• [Entries provided]

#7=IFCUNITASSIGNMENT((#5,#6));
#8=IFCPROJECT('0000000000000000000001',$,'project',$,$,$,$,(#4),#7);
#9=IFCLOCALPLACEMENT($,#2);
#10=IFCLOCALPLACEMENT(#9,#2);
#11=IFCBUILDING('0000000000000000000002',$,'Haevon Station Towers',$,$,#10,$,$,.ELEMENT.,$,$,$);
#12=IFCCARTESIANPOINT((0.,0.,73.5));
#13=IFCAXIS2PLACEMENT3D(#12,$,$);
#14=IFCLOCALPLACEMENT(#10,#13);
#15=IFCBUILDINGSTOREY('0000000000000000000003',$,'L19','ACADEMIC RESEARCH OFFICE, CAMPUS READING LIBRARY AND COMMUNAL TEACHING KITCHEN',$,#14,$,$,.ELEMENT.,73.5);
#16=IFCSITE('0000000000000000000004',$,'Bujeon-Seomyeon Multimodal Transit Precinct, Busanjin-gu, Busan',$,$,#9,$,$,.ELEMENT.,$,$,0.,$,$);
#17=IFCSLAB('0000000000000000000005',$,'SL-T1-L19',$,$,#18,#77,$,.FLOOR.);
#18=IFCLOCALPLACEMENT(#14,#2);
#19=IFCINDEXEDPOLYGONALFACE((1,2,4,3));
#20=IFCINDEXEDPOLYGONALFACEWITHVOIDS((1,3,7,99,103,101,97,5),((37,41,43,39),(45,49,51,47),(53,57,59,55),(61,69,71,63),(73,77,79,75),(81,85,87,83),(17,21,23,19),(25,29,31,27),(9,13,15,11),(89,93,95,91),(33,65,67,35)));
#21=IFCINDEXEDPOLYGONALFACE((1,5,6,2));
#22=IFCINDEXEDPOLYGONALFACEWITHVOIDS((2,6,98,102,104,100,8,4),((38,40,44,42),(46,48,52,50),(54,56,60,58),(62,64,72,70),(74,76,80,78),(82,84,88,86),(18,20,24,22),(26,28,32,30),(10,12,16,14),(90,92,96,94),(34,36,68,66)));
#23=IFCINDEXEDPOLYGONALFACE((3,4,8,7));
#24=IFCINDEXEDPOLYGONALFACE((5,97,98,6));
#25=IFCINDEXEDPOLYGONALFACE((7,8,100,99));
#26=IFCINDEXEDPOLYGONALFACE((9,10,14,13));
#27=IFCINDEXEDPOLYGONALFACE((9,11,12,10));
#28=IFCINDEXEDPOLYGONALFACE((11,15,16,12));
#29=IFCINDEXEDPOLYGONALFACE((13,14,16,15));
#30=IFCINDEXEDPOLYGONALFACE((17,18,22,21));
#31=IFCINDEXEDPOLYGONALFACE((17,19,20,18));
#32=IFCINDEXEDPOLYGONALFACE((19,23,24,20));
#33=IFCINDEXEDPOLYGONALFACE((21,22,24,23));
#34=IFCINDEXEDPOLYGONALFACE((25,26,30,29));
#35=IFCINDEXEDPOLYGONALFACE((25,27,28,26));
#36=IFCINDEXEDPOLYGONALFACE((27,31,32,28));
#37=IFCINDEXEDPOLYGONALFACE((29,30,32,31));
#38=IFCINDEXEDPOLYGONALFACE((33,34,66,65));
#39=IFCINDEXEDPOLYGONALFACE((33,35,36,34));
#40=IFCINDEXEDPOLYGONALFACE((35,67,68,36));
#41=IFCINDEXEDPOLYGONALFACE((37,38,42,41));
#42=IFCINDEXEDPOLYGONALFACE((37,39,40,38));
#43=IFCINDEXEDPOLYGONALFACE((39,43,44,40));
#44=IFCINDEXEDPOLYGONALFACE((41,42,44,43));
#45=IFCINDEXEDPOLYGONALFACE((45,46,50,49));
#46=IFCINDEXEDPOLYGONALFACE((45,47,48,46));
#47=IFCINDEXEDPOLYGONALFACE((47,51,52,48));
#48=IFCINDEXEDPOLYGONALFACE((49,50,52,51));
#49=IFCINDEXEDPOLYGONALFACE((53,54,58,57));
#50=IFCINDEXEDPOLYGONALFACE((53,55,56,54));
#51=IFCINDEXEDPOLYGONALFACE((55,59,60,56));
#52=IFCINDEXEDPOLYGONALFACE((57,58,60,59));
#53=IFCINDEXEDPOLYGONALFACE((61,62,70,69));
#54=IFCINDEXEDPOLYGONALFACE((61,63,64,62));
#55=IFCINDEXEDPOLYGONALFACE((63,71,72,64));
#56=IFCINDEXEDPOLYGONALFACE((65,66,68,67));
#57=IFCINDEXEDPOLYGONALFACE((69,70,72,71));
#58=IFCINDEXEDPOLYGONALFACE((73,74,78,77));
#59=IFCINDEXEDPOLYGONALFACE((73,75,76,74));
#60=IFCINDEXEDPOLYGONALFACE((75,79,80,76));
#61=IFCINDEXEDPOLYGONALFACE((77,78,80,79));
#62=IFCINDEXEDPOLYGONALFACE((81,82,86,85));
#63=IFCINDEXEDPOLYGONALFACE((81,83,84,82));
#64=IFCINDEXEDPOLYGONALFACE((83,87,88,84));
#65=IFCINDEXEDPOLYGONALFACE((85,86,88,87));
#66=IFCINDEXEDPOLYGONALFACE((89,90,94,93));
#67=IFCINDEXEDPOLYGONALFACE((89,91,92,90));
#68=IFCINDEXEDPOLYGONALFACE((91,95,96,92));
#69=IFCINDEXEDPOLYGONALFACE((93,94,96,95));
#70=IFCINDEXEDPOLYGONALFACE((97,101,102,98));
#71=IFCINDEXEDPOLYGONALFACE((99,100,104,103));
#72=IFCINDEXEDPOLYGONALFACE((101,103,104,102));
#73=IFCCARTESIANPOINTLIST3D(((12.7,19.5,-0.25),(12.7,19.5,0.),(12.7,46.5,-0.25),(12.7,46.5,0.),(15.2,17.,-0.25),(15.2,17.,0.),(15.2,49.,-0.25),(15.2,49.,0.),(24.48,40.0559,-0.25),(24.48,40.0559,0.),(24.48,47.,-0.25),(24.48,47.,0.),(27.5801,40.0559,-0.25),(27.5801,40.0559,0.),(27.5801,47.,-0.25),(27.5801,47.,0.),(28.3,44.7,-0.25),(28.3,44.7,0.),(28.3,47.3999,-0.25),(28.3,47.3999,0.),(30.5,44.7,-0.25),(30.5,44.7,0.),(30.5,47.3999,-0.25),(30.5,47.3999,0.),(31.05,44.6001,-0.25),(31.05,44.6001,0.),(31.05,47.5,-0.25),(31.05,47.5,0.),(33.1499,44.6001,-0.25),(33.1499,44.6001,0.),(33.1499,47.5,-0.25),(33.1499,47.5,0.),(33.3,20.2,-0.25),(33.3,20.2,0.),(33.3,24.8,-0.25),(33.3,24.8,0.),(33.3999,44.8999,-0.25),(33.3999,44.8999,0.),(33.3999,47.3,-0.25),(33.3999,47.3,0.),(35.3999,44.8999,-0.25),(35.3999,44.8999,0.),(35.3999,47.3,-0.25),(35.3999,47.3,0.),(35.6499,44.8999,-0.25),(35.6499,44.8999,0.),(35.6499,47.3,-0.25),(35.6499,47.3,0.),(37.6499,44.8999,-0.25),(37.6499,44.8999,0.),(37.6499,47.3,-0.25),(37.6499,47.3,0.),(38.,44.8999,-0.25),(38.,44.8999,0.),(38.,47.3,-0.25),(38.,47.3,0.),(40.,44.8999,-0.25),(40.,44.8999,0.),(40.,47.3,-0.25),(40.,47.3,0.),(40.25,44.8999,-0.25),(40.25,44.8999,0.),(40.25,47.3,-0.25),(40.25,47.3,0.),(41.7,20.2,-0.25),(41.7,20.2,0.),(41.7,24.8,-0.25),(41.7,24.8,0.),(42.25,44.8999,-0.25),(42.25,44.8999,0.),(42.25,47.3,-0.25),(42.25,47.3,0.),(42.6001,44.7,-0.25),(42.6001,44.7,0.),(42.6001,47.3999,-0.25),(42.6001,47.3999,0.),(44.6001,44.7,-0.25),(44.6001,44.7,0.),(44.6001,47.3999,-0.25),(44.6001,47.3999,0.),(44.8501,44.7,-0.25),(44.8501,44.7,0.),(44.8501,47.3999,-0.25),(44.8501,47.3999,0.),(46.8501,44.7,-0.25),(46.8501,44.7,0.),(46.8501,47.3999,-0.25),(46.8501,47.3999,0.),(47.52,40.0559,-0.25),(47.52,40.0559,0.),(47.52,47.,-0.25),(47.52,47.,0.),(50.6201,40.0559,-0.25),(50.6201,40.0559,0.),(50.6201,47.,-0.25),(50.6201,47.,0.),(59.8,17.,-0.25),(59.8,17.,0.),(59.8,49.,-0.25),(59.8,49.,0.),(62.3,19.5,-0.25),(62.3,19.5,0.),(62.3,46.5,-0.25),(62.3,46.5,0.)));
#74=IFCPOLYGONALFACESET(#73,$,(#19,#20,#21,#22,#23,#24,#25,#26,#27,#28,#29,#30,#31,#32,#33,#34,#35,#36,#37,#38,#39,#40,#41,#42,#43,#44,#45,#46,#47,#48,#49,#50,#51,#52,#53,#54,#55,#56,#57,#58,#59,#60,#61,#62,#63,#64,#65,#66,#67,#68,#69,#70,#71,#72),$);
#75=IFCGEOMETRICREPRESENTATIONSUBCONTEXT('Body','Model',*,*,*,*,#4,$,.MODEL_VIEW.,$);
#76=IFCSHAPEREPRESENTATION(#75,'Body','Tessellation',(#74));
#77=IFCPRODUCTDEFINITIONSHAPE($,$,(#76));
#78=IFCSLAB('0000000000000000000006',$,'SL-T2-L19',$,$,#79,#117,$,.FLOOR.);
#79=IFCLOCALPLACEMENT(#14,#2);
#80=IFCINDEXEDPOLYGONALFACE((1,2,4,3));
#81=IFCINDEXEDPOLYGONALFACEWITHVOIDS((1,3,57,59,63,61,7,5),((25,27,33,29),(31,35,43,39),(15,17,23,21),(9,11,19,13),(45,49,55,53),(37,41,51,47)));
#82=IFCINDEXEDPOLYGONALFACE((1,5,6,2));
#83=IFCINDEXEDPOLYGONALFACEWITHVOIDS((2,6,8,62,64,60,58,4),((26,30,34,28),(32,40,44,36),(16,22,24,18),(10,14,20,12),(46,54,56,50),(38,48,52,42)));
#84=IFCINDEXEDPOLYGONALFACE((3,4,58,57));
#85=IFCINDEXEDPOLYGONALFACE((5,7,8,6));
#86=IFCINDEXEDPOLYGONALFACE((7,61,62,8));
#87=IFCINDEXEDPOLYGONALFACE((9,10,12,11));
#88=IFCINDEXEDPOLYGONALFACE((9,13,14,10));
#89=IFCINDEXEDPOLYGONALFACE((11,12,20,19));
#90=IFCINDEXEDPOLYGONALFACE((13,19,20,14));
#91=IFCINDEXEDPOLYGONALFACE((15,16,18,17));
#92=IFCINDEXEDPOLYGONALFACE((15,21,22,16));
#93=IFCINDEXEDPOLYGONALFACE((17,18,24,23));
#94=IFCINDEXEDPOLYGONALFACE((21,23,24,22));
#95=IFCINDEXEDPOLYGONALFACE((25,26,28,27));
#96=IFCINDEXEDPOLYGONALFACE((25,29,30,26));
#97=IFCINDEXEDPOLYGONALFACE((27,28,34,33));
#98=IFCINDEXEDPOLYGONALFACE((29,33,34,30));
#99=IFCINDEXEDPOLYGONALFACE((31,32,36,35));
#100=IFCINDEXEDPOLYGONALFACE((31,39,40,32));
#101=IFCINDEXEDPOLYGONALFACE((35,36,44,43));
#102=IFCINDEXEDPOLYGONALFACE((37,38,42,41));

• [Instructions for the task]
Could you transcribe the entries above word for word, from the line with "#39=IFCINDEXEDPOLYGONALFACE((33,35,36,34));" down to the line with "#65=IFCINDEXEDPOLYGONALFACE((85,86,88,87));", keeping both?

• [Output below]
#39=IFCINDEXEDPOLYGONALFACE((33,35,36,34));
#40=IFCINDEXEDPOLYGONALFACE((35,67,68,36));
#41=IFCINDEXEDPOLYGONALFACE((37,38,42,41));
#42=IFCINDEXEDPOLYGONALFACE((37,39,40,38));
#43=IFCINDEXEDPOLYGONALFACE((39,43,44,40));
#44=IFCINDEXEDPOLYGONALFACE((41,42,44,43));
#45=IFCINDEXEDPOLYGONALFACE((45,46,50,49));
#46=IFCINDEXEDPOLYGONALFACE((45,47,48,46));
#47=IFCINDEXEDPOLYGONALFACE((47,51,52,48));
#48=IFCINDEXEDPOLYGONALFACE((49,50,52,51));
#49=IFCINDEXEDPOLYGONALFACE((53,54,58,57));
#50=IFCINDEXEDPOLYGONALFACE((53,55,56,54));
#51=IFCINDEXEDPOLYGONALFACE((55,59,60,56));
#52=IFCINDEXEDPOLYGONALFACE((57,58,60,59));
#53=IFCINDEXEDPOLYGONALFACE((61,62,70,69));
#54=IFCINDEXEDPOLYGONALFACE((61,63,64,62));
#55=IFCINDEXEDPOLYGONALFACE((63,71,72,64));
#56=IFCINDEXEDPOLYGONALFACE((65,66,68,67));
#57=IFCINDEXEDPOLYGONALFACE((69,70,72,71));
#58=IFCINDEXEDPOLYGONALFACE((73,74,78,77));
#59=IFCINDEXEDPOLYGONALFACE((73,75,76,74));
#60=IFCINDEXEDPOLYGONALFACE((75,79,80,76));
#61=IFCINDEXEDPOLYGONALFACE((77,78,80,79));
#62=IFCINDEXEDPOLYGONALFACE((81,82,86,85));
#63=IFCINDEXEDPOLYGONALFACE((81,83,84,82));
#64=IFCINDEXEDPOLYGONALFACE((83,87,88,84));
#65=IFCINDEXEDPOLYGONALFACE((85,86,88,87));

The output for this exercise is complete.